WORK ORDER: If a line in the listing carries the word "IFCINDEXEDPOLYGONALFACE", return a copy of that line.
BEGIN MATERIAL FOR THIS TASK
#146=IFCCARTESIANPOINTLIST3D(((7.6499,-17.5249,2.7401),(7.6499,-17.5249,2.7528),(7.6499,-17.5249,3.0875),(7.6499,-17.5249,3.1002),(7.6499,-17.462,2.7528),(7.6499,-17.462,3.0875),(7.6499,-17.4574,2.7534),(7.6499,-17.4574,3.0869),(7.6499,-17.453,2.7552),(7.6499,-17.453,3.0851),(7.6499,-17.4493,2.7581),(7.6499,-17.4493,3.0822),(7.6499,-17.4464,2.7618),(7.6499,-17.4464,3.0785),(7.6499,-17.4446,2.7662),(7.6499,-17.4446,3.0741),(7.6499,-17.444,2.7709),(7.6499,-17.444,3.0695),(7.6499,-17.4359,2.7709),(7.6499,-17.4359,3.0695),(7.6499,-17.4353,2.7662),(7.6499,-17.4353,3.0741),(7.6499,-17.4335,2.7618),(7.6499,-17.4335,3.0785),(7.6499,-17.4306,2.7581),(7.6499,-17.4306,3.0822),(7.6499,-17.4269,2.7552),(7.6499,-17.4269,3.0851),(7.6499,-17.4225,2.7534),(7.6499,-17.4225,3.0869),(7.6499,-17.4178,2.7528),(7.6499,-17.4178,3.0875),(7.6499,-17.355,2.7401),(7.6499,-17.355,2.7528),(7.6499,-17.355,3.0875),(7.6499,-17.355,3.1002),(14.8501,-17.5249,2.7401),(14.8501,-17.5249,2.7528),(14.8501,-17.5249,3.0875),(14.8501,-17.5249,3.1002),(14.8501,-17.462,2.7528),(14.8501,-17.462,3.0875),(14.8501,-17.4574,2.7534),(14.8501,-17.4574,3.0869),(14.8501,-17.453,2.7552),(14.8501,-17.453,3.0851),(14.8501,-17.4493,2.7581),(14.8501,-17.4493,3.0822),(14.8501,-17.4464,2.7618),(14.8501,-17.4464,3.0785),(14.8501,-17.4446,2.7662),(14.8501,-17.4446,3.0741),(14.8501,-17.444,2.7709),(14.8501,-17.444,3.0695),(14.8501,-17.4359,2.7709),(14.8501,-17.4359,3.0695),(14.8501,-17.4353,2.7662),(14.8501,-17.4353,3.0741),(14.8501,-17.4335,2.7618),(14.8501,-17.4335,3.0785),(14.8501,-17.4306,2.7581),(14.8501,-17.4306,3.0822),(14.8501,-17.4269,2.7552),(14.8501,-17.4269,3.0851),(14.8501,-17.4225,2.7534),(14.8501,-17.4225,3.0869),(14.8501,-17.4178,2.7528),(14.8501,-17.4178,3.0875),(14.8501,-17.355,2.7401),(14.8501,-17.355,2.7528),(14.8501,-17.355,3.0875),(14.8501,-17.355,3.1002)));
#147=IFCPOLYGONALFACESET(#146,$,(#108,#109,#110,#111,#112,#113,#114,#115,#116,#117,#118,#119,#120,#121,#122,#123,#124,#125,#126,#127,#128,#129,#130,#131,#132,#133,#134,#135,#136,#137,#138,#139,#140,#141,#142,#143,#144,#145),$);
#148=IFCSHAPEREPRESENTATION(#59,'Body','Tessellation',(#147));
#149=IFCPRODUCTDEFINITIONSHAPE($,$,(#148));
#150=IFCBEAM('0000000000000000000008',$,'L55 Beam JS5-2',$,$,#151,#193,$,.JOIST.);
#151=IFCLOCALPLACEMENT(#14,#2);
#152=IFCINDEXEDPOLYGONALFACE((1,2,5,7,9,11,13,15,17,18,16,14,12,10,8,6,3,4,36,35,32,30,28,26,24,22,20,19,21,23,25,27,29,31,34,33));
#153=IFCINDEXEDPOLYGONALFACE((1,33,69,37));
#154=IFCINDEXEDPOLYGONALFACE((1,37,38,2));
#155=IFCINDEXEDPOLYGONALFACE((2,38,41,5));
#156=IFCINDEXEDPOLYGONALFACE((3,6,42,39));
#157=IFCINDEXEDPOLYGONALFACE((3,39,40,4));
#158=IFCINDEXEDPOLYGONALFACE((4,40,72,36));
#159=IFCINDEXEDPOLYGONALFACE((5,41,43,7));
END MATERIAL FOR THIS TASK
RESPONSE TO THIS EXERCISE:
#152=IFCINDEXEDPOLYGONALFACE((1,2,5,7,9,11,13,15,17,18,16,14,12,10,8,6,3,4,36,35,32,30,28,26,24,22,20,19,21,23,25,27,29,31,34,33));
#153=IFCINDEXEDPOLYGONALFACE((1,33,69,37));
#154=IFCINDEXEDPOLYGONALFACE((1,37,38,2));
#155=IFCINDEXEDPOLYGONALFACE((2,38,41,5));
#156=IFCINDEXEDPOLYGONALFACE((3,6,42,39));
#157=IFCINDEXEDPOLYGONALFACE((3,39,40,4));
#158=IFCINDEXEDPOLYGONALFACE((4,40,72,36));
#159=IFCINDEXEDPOLYGONALFACE((5,41,43,7));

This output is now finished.